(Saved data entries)

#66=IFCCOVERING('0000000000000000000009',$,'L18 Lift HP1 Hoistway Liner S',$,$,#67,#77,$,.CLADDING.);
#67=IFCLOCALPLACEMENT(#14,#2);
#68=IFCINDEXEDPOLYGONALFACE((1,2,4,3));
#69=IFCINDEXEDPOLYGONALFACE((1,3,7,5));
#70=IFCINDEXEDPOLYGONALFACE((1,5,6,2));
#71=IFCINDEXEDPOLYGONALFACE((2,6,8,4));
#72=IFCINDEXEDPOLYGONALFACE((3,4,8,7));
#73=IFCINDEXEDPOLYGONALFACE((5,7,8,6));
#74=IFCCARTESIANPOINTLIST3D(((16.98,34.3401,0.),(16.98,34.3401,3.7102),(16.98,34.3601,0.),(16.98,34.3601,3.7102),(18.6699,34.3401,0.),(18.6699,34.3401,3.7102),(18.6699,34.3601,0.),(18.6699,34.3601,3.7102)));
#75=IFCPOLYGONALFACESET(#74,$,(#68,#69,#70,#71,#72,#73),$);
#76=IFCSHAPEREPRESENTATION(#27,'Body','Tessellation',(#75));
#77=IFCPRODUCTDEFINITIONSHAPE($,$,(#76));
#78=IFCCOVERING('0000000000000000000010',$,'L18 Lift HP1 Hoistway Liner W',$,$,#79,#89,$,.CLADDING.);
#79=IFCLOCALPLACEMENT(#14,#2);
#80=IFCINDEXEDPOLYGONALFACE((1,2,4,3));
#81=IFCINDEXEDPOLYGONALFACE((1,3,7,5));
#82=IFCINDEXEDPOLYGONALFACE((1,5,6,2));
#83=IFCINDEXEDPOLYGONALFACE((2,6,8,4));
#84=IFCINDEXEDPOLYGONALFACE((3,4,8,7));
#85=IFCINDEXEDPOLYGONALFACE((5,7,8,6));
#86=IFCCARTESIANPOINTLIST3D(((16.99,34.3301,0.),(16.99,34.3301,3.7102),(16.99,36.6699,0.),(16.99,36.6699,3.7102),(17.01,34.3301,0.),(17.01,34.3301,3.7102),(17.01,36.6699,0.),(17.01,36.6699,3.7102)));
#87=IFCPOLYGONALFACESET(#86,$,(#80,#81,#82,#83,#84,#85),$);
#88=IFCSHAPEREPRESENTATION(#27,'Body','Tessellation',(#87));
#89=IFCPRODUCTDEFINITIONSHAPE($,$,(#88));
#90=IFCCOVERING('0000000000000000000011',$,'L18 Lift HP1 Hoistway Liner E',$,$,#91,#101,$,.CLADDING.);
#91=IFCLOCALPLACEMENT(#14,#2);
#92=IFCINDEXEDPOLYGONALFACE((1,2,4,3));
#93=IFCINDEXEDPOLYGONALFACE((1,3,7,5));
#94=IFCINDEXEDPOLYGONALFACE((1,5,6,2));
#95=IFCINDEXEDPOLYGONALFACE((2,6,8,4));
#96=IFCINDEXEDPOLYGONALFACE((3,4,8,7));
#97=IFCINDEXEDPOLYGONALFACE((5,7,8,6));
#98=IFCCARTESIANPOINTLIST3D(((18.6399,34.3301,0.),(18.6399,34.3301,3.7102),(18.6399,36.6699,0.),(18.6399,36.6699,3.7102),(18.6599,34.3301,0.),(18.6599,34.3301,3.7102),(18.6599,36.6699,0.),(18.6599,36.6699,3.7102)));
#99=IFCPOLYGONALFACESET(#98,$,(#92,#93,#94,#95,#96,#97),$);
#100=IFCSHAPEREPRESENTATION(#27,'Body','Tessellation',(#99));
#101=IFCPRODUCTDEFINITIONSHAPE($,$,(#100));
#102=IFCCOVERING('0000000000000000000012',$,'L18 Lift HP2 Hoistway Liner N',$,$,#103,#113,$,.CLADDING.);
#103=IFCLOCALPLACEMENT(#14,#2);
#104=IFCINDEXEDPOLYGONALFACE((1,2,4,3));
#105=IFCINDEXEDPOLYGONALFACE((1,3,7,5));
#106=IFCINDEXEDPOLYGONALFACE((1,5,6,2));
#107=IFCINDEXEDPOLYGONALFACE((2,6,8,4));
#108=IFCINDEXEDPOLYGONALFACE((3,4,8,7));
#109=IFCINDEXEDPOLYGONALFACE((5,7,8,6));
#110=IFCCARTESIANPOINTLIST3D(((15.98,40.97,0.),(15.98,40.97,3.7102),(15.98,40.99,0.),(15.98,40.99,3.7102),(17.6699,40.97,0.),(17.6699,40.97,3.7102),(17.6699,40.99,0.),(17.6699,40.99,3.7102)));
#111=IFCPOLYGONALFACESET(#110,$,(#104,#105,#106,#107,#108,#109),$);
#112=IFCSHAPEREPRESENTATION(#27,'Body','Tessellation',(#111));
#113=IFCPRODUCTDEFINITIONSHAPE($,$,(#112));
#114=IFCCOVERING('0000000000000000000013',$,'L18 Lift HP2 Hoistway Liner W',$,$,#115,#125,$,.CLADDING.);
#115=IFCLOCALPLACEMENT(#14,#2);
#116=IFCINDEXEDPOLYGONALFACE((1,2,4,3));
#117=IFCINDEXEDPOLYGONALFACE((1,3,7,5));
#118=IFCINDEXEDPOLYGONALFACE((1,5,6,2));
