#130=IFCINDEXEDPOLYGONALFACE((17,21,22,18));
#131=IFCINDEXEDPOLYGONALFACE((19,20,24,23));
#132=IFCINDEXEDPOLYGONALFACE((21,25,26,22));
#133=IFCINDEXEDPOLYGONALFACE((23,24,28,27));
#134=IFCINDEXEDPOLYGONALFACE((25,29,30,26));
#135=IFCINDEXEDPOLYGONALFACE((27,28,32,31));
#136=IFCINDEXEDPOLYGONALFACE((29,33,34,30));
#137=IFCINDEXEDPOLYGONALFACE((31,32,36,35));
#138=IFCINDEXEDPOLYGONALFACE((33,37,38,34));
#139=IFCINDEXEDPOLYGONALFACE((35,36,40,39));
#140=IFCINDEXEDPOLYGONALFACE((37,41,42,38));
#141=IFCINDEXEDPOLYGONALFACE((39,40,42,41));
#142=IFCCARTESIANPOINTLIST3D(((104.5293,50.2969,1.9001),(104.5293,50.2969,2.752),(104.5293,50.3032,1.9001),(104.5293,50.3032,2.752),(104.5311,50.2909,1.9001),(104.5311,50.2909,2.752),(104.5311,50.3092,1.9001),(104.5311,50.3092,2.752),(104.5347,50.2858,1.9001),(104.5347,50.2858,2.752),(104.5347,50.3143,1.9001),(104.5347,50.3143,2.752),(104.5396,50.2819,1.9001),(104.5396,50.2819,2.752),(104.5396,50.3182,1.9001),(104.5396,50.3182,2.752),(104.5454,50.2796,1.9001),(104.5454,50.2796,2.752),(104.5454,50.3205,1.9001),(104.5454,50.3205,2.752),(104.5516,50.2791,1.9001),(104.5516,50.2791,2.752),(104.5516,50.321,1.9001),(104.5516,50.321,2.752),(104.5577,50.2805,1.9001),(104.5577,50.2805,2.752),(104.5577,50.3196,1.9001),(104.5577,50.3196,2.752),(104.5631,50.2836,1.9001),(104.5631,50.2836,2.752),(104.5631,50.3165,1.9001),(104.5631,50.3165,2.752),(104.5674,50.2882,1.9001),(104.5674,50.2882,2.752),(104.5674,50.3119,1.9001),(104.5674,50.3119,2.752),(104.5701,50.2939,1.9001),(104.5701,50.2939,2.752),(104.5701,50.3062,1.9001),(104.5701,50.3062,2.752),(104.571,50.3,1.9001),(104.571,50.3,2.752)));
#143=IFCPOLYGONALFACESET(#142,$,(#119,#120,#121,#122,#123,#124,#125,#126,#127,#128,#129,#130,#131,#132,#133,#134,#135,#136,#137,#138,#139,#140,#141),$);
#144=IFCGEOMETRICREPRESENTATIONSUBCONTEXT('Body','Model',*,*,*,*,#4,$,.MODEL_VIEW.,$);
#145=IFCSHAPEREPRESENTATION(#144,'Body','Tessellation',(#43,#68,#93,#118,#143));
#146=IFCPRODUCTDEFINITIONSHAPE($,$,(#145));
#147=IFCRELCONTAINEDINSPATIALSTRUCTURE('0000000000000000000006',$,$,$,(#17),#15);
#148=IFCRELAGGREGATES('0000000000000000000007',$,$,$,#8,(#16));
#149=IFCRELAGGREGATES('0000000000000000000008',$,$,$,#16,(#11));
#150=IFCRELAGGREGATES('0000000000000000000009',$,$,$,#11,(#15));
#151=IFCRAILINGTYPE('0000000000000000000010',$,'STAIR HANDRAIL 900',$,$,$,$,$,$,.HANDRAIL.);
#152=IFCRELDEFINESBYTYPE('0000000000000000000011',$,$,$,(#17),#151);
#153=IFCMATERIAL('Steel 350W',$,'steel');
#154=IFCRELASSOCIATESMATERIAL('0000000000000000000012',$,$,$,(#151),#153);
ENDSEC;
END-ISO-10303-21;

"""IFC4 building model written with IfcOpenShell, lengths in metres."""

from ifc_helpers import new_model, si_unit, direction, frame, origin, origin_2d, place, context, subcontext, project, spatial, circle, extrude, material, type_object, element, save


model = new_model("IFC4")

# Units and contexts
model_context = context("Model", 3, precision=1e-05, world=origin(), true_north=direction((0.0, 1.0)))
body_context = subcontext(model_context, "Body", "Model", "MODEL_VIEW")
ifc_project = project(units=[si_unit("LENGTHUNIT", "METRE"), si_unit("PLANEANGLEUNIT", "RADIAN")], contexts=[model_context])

*Exercise directions:* Lines holding the word "IFCSHAPEREPRESENTATION" in the entries above are the ones to pull out. Copy them all.

*Answer for the task:*
#76=IFCSHAPEREPRESENTATION(#27,'Body','Tessellation',(#75));
#88=IFCSHAPEREPRESENTATION(#27,'Body','Tessellation',(#87));
#100=IFCSHAPEREPRESENTATION(#27,'Body','Tessellation',(#99));
#112=IFCSHAPEREPRESENTATION(#27,'Body','Tessellation',(#111));
#145=IFCSHAPEREPRESENTATION(#144,'Body','Tessellation',(#43,#68,#93,#118,#143));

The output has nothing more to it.